ACTIVITY |
Scan the records below for the line with "#27=IFCINDEXEDPOLYGONALFACE((5,41,45,12));" and the line with "#45=IFCINDEXEDPOLYGONALFACE((41,42,46,45));". Repeat those two lines and every line between them exactly, and nothing else.

TASK INPUTS START

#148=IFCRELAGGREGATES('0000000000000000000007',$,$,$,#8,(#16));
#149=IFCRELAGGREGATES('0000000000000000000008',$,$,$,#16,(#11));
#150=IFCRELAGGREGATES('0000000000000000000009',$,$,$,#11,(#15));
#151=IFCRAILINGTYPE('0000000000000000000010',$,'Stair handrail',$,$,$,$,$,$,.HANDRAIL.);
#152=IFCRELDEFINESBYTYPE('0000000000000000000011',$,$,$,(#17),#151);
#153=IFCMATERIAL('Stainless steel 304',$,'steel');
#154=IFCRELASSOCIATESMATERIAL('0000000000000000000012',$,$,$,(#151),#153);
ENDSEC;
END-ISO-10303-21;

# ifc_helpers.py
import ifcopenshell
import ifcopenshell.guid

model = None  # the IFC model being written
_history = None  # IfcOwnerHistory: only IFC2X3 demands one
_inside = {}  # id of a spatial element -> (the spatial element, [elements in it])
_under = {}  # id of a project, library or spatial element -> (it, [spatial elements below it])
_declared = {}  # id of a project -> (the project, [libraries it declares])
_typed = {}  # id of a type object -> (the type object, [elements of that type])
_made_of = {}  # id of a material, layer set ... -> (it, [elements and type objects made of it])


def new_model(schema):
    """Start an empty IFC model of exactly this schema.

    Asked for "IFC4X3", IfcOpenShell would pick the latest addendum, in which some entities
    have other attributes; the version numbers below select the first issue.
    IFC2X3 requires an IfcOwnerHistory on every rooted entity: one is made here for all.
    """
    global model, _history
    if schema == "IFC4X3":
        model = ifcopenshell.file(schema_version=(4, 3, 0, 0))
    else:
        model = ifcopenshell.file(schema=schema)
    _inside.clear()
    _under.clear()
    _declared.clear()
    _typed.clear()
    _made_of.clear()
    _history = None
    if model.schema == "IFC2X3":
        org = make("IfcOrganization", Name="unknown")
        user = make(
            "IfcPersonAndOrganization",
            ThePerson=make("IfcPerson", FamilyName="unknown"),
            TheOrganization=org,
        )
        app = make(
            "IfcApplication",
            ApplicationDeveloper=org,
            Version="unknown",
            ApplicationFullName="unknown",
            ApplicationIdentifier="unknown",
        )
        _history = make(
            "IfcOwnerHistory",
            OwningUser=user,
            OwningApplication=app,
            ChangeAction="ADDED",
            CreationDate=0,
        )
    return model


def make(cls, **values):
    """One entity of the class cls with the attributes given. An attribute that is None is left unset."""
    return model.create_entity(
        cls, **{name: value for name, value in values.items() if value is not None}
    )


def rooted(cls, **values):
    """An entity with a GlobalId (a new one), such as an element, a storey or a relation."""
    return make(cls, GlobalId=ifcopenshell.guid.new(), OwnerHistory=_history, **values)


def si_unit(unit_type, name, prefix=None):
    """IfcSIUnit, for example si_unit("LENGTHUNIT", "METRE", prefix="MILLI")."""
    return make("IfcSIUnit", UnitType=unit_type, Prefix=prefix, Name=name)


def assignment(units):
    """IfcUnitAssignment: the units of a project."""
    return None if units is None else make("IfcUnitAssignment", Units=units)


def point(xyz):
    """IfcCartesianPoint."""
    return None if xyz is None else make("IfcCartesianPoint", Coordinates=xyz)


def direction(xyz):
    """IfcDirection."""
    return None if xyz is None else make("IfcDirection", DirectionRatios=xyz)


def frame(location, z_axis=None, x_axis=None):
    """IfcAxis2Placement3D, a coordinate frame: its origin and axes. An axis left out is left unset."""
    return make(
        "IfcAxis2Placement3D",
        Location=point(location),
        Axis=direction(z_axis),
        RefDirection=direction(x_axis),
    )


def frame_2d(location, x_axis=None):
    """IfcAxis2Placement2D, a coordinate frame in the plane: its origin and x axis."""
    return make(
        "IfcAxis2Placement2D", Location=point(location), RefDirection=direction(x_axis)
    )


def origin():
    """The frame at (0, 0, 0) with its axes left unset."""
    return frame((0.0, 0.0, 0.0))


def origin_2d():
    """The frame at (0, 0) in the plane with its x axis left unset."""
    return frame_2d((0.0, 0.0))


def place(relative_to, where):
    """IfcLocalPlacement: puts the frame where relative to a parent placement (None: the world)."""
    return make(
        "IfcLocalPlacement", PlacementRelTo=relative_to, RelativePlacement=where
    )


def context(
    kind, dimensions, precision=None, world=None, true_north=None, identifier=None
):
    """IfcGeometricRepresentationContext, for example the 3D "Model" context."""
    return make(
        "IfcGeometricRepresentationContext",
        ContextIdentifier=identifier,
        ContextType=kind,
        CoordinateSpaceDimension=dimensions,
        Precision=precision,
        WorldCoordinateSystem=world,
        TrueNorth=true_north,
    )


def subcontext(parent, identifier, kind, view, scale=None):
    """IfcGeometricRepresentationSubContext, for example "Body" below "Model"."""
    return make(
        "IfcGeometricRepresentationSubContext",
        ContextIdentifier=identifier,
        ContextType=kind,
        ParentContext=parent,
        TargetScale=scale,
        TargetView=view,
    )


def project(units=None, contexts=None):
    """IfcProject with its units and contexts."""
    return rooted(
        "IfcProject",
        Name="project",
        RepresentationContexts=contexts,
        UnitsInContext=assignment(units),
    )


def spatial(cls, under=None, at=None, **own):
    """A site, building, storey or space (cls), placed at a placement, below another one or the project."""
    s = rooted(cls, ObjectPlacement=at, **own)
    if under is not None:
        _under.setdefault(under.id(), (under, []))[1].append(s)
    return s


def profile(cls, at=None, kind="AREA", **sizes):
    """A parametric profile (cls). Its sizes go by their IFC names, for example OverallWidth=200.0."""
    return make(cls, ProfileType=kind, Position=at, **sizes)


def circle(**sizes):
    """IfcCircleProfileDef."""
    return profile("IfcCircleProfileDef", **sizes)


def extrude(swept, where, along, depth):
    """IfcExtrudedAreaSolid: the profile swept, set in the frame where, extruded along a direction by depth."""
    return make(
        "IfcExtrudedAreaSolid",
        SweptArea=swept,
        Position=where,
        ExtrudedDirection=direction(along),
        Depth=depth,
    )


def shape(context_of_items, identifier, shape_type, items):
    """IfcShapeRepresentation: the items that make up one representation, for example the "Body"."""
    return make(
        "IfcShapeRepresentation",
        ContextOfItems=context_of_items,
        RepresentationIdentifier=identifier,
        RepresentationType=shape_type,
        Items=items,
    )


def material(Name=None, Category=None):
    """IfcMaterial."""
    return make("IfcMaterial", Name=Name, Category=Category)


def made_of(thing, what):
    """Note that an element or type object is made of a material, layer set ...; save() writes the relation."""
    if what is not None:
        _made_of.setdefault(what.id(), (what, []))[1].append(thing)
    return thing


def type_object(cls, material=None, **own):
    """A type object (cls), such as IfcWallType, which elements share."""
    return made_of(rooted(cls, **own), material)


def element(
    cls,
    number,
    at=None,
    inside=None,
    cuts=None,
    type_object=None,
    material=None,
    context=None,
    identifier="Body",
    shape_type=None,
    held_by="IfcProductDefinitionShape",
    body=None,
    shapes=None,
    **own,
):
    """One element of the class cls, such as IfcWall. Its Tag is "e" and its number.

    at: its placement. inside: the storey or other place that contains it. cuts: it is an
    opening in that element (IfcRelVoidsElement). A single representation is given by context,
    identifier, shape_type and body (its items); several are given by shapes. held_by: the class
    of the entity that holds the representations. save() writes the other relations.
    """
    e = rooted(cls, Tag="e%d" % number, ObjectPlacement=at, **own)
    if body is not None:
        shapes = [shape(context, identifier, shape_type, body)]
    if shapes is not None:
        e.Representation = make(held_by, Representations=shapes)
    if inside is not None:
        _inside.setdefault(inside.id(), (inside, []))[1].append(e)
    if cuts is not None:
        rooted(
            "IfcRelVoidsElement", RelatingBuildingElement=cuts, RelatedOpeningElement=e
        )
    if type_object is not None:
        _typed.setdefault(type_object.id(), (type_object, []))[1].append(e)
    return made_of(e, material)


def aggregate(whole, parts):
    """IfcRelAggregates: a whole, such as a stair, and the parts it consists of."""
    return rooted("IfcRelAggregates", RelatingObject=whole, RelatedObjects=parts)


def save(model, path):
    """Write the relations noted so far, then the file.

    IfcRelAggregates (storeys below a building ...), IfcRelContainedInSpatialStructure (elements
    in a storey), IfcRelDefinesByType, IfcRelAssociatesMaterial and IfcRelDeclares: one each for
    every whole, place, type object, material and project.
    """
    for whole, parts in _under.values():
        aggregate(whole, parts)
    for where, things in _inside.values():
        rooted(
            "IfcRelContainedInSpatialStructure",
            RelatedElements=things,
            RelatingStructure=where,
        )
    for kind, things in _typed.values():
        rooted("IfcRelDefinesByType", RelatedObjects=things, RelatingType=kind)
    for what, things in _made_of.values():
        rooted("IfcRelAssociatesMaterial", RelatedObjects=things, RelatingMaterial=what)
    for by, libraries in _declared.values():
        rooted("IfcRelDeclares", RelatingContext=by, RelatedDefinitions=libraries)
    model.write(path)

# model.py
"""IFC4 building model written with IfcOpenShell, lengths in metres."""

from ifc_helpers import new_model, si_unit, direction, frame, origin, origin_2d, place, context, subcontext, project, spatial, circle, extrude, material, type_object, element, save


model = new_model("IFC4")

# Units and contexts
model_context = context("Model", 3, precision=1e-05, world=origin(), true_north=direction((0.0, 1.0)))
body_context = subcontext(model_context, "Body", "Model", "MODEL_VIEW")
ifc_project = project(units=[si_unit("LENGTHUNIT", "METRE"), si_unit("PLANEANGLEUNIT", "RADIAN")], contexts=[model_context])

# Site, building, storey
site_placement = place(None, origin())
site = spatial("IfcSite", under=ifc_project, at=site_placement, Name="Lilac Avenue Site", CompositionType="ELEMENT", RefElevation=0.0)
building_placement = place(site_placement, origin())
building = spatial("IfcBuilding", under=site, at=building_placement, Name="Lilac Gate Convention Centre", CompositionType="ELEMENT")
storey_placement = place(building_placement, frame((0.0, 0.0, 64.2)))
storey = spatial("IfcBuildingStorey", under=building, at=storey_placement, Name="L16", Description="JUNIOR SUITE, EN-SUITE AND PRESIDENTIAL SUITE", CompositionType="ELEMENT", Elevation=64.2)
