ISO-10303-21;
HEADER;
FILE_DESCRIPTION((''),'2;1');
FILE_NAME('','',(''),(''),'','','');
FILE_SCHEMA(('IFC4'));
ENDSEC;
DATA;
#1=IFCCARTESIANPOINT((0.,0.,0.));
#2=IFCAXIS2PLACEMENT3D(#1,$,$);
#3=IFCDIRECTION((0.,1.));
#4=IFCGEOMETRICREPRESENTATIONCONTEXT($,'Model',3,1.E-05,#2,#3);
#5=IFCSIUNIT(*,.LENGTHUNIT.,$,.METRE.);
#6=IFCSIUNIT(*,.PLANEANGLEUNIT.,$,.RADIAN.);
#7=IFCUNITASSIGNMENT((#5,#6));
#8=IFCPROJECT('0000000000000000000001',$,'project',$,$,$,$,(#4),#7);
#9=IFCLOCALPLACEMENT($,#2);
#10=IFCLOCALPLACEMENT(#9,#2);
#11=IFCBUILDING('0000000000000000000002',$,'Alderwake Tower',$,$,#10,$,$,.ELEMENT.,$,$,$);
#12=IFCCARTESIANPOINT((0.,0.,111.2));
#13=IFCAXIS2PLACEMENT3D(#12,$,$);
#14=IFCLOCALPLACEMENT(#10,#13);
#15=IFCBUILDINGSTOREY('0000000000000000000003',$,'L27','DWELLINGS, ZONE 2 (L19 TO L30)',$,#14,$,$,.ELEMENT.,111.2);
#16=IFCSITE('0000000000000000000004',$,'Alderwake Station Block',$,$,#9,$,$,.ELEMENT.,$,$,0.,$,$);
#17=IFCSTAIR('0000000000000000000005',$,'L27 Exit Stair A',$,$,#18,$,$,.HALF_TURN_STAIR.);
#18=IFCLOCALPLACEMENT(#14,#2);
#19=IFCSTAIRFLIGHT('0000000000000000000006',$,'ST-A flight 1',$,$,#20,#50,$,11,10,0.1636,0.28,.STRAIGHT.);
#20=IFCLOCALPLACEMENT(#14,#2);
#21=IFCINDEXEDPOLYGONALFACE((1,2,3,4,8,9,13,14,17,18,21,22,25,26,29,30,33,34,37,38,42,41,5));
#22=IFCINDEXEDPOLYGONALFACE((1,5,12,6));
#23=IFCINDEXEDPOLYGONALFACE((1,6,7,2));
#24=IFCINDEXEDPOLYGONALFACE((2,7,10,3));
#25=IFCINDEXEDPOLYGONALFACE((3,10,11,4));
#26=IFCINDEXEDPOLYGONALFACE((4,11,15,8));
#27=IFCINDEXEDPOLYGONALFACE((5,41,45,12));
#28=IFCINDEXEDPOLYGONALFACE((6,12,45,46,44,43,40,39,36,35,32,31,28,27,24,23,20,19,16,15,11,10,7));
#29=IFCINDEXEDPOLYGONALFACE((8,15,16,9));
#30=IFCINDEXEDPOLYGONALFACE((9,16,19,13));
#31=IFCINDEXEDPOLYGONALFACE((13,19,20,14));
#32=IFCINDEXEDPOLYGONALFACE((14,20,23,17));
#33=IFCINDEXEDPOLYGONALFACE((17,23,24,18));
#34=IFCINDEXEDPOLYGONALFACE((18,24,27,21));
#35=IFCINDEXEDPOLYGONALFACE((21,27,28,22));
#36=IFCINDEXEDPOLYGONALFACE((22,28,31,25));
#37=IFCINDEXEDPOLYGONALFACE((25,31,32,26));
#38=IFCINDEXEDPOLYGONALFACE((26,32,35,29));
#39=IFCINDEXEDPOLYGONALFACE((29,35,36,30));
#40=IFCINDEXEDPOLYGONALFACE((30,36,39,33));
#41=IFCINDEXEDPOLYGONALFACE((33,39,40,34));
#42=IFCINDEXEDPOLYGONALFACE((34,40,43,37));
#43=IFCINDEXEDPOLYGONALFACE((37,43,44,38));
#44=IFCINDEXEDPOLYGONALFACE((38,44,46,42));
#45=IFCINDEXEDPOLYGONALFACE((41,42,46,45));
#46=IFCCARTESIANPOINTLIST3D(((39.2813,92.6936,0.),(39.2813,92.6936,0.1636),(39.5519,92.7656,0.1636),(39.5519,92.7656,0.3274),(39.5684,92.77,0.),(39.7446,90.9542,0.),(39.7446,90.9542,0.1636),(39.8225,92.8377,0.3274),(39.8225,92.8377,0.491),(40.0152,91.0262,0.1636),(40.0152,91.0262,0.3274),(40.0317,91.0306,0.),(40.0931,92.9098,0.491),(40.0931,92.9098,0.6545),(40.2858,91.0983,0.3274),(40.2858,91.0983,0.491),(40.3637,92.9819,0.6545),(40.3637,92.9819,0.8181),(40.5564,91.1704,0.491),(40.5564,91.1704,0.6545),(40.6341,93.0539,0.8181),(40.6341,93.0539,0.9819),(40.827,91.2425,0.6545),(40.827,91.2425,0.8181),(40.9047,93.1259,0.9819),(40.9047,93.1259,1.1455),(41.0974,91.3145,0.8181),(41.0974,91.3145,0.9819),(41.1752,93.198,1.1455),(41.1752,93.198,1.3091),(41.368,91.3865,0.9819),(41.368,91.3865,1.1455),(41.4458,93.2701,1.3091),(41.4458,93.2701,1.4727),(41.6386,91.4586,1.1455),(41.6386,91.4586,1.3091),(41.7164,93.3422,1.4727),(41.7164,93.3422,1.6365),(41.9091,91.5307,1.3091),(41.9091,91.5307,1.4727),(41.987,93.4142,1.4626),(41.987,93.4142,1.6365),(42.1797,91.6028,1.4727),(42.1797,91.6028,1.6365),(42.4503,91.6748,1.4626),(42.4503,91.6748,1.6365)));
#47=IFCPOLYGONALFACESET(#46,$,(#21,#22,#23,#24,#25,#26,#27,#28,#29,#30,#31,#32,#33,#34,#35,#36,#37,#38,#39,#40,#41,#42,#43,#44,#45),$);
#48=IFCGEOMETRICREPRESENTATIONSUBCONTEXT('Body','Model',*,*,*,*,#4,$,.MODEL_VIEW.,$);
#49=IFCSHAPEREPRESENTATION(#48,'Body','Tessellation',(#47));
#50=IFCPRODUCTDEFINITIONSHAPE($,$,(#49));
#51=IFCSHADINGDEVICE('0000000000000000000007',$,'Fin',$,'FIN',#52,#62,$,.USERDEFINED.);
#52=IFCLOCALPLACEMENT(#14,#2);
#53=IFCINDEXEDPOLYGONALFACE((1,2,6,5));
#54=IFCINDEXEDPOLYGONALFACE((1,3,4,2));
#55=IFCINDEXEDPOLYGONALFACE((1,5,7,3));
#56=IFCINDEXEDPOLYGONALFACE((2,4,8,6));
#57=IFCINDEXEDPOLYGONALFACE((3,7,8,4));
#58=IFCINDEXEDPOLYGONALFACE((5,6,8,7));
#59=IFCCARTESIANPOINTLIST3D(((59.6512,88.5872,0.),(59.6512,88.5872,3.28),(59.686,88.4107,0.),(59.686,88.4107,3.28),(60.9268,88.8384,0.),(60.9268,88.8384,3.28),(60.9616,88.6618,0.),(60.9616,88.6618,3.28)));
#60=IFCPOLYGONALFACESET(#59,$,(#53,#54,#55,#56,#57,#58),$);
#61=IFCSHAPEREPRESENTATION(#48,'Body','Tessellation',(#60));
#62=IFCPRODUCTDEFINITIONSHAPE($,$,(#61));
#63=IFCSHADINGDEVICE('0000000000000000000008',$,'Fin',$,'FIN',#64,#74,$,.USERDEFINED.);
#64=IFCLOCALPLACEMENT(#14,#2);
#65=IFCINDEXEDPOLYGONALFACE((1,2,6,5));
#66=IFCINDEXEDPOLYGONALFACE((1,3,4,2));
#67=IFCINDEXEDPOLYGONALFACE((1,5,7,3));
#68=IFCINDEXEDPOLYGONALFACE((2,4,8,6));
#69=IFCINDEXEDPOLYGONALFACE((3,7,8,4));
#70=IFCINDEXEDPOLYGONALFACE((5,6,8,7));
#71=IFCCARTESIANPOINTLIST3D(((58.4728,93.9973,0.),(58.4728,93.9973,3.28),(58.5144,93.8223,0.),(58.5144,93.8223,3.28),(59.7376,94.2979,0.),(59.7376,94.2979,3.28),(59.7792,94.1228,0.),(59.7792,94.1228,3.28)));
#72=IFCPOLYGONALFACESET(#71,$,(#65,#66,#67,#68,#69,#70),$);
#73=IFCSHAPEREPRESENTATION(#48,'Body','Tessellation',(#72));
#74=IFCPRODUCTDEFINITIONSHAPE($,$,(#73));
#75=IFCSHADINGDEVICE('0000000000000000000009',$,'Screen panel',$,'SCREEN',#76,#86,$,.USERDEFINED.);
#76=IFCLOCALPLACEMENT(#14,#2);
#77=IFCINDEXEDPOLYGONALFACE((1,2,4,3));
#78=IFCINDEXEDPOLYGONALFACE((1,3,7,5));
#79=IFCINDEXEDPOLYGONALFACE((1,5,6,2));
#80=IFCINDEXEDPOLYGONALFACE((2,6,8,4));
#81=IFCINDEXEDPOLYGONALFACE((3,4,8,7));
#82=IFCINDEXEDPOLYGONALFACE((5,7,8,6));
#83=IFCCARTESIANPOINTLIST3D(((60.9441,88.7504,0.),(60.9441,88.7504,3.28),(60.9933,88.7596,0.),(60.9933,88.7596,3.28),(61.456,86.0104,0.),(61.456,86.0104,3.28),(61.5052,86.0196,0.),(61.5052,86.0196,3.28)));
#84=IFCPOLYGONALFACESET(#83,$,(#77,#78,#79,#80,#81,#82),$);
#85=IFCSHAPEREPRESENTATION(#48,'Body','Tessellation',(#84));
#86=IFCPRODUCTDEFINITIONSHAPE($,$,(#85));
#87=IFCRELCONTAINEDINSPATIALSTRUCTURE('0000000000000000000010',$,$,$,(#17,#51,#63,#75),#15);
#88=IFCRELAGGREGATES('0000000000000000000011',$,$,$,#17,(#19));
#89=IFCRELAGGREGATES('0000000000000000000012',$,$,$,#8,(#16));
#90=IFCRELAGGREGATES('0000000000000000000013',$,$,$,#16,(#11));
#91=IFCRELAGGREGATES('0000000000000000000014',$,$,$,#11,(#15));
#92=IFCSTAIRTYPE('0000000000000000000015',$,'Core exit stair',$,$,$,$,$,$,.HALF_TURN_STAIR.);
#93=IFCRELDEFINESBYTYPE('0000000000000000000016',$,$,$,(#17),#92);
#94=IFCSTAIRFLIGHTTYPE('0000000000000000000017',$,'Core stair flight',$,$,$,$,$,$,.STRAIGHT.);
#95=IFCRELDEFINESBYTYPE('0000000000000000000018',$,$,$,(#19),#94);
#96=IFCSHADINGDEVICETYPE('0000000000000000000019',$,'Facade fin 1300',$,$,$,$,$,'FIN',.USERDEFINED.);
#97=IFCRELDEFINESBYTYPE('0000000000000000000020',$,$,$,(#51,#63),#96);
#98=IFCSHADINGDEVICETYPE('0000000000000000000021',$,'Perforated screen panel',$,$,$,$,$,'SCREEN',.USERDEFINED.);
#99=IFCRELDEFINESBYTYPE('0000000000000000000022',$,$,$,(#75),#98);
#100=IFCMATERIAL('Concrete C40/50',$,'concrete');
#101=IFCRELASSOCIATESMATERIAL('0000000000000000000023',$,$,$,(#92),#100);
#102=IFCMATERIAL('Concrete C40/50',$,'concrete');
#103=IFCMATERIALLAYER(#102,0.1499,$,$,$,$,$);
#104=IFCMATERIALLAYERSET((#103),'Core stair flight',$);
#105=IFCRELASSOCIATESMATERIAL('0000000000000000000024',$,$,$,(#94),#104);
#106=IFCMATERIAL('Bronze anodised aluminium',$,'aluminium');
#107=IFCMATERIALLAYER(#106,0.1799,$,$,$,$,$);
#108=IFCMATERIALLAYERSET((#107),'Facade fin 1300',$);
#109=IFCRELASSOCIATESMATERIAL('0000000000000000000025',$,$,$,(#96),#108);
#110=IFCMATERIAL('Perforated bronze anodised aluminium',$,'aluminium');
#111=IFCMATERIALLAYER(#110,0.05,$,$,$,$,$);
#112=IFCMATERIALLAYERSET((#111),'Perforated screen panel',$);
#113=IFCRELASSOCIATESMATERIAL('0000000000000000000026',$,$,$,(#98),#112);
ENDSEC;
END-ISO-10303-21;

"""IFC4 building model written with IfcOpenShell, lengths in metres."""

from ifc_helpers import new_model, si_unit, direction, frame, origin, origin_2d, place, context, subcontext, project, spatial, polyline, rectangle, outline, extrude, material, layer, layer_set, type_object, element, aggregate, save


model = new_model("IFC4")

# Units and contexts
model_context = context("Model", 3, precision=1e-05, world=origin(), true_north=direction((0.0, 1.0)))
body_context = subcontext(model_context, "Body", "Model", "MODEL_VIEW")
ifc_project = project(units=[si_unit("LENGTHUNIT", "METRE"), si_unit("PLANEANGLEUNIT", "RADIAN")], contexts=[model_context])

# Site, building, storey
site_placement = place(None, origin())
site = spatial("IfcSite", under=ifc_project, at=site_placement, Name="Alderwake Station Block", CompositionType="ELEMENT", RefElevation=0.0)
building_placement = place(site_placement, origin())
building = spatial("IfcBuilding", under=site, at=building_placement, Name="Alderwake Tower", CompositionType="ELEMENT")
storey_placement = place(building_placement, frame((0.0, 0.0, 111.2)))
storey = spatial("IfcBuildingStorey", under=building, at=storey_placement, Name="L27", Description="DWELLINGS, ZONE 2 (L19 TO L30)", CompositionType="ELEMENT", Elevation=111.2)

# Stair, stair flight
ifc_material_1 = material(Name="Concrete C40/50", Category="concrete")
stair_type = type_object("IfcStairType", Name="Core exit stair", PredefinedType="HALF_TURN_STAIR", material=ifc_material_1)
stair_placement = place(storey_placement, origin())
stair = element("IfcStair", 1, at=stair_placement, inside=storey, type_object=stair_type, Name="L27 Exit Stair A", PredefinedType="HALF_TURN_STAIR")
ifc_material_2 = material(Name="Concrete C40/50", Category="concrete")
ifc_layer_1 = layer(ifc_material_2, 0.1499)
ifc_layer_set_1 = layer_set([ifc_layer_1], Name="Core stair flight")
stair_flight_type = type_object("IfcStairFlightType", Name="Core stair flight", PredefinedType="STRAIGHT", material=ifc_layer_set_1)
stair_flight_placement = place(storey_placement, frame((39.5129, 91.824, 0.0), z_axis=(0.0, 0.0, 1.0), x_axis=(0.96631, 0.257382, 0.0)))
stair_flight = element("IfcStairFlight", 2, at=stair_flight_placement, type_object=stair_flight_type, Name="ST-A flight 1", NumberOfRisers=11, NumberOfTreads=10, PredefinedType="STRAIGHT", RiserHeight=0.1636, TreadLength=0.28, context=body_context, shape_type="SweptSolid", body=[
    extrude(outline(polyline([(0.0, 0.0), (0.0, 0.1636), (0.28, 0.1636), (0.28, 0.3274), (0.5601, 0.3274), (0.5601, 0.491), (0.8401, 0.491), (0.8401, 0.6545), (1.1201, 0.6545), (1.1201, 0.8181), (1.3999, 0.8181), (1.3999, 0.9819), (1.6799, 0.9819), (1.6799, 1.1455), (1.96, 1.1455), (1.96, 1.3091), (2.24, 1.3091), (2.24, 1.4727), (2.52, 1.4727), (2.52, 1.6365), (2.8, 1.6365), (2.8, 1.8), (2.8, 1.4626), (0.2971, 0.0), (0.0, 0.0)])), frame((0.0, 0.8999, 0.0), z_axis=(0.0, -1.0, 0.0), x_axis=(1.0, 0.0, 0.0)), (0.0, 0.0, 1.0), 1.8),
])
aggregate(stair, [stair_flight])

# Shading devices
ifc_material_3 = material(Name="Bronze anodised aluminium", Category="aluminium")
ifc_layer_2 = layer(ifc_material_3, 0.1799)
ifc_layer_set_2 = layer_set([ifc_layer_2], Name="Facade fin 1300")
shading_device_type_1 = type_object("IfcShadingDeviceType", Name="Facade fin 1300", ElementType="FIN", PredefinedType="USERDEFINED", material=ifc_layer_set_2)
for number, where, z_axis, x_axis, name in (
    (3, (60.3064, 88.6245, 0.0), (0.0, 0.0, 1.0), (0.981164, 0.193178, 0.0), "Fin"),
    (4, (59.126, 94.0601, 0.0), (0.0, 0.0, 1.0), (0.972909, 0.231189, 0.0), "Fin"),
):
    element("IfcShadingDevice", number, at=place(storey_placement, frame(where, z_axis=z_axis, x_axis=x_axis)), inside=storey, type_object=shading_device_type_1, Name=name, ObjectType="FIN", PredefinedType="USERDEFINED", context=body_context, shape_type="SweptSolid", body=[
        extrude(rectangle(XDim=1.3, YDim=0.1799, at=origin_2d()), origin(), (0.0, 0.0, 1.0), 3.28),
    ])
ifc_material_4 = material(Name="Perforated bronze anodised aluminium", Category="aluminium")
ifc_layer_3 = layer(ifc_material_4, 0.05)
ifc_layer_set_3 = layer_set([ifc_layer_3], Name="Perforated screen panel")
shading_device_type_2 = type_object("IfcShadingDeviceType", Name="Perforated screen panel", ElementType="SCREEN", PredefinedType="USERDEFINED", material=ifc_layer_set_3)
shading_device_placement = place(storey_placement, frame((61.2246, 87.385, 0.0), z_axis=(0.0, 0.0, 1.0), x_axis=(0.982991, 0.183651, 0.0)))
element("IfcShadingDevice", 5, at=shading_device_placement, inside=storey, type_object=shading_device_type_2, Name="Screen panel", ObjectType="SCREEN", PredefinedType="USERDEFINED", context=body_context, shape_type="SweptSolid", body=[
    extrude(rectangle(XDim=0.05, YDim=2.7874, at=origin_2d()), origin(), (0.0, 0.0, 1.0), 3.28),
])

save(model, "model.ifc")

TASK INPUTS END

EXERCISE SOLUTION |
#27=IFCINDEXEDPOLYGONALFACE((5,41,45,12));
#28=IFCINDEXEDPOLYGONALFACE((6,12,45,46,44,43,40,39,36,35,32,31,28,27,24,23,20,19,16,15,11,10,7));
#29=IFCINDEXEDPOLYGONALFACE((8,15,16,9));
#30=IFCINDEXEDPOLYGONALFACE((9,16,19,13));
#31=IFCINDEXEDPOLYGONALFACE((13,19,20,14));
#32=IFCINDEXEDPOLYGONALFACE((14,20,23,17));
#33=IFCINDEXEDPOLYGONALFACE((17,23,24,18));
#34=IFCINDEXEDPOLYGONALFACE((18,24,27,21));
#35=IFCINDEXEDPOLYGONALFACE((21,27,28,22));
#36=IFCINDEXEDPOLYGONALFACE((22,28,31,25));
#37=IFCINDEXEDPOLYGONALFACE((25,31,32,26));
#38=IFCINDEXEDPOLYGONALFACE((26,32,35,29));
#39=IFCINDEXEDPOLYGONALFACE((29,35,36,30));
#40=IFCINDEXEDPOLYGONALFACE((30,36,39,33));
#41=IFCINDEXEDPOLYGONALFACE((33,39,40,34));
#42=IFCINDEXEDPOLYGONALFACE((34,40,43,37));
#43=IFCINDEXEDPOLYGONALFACE((37,43,44,38));
#44=IFCINDEXEDPOLYGONALFACE((38,44,46,42));
#45=IFCINDEXEDPOLYGONALFACE((41,42,46,45));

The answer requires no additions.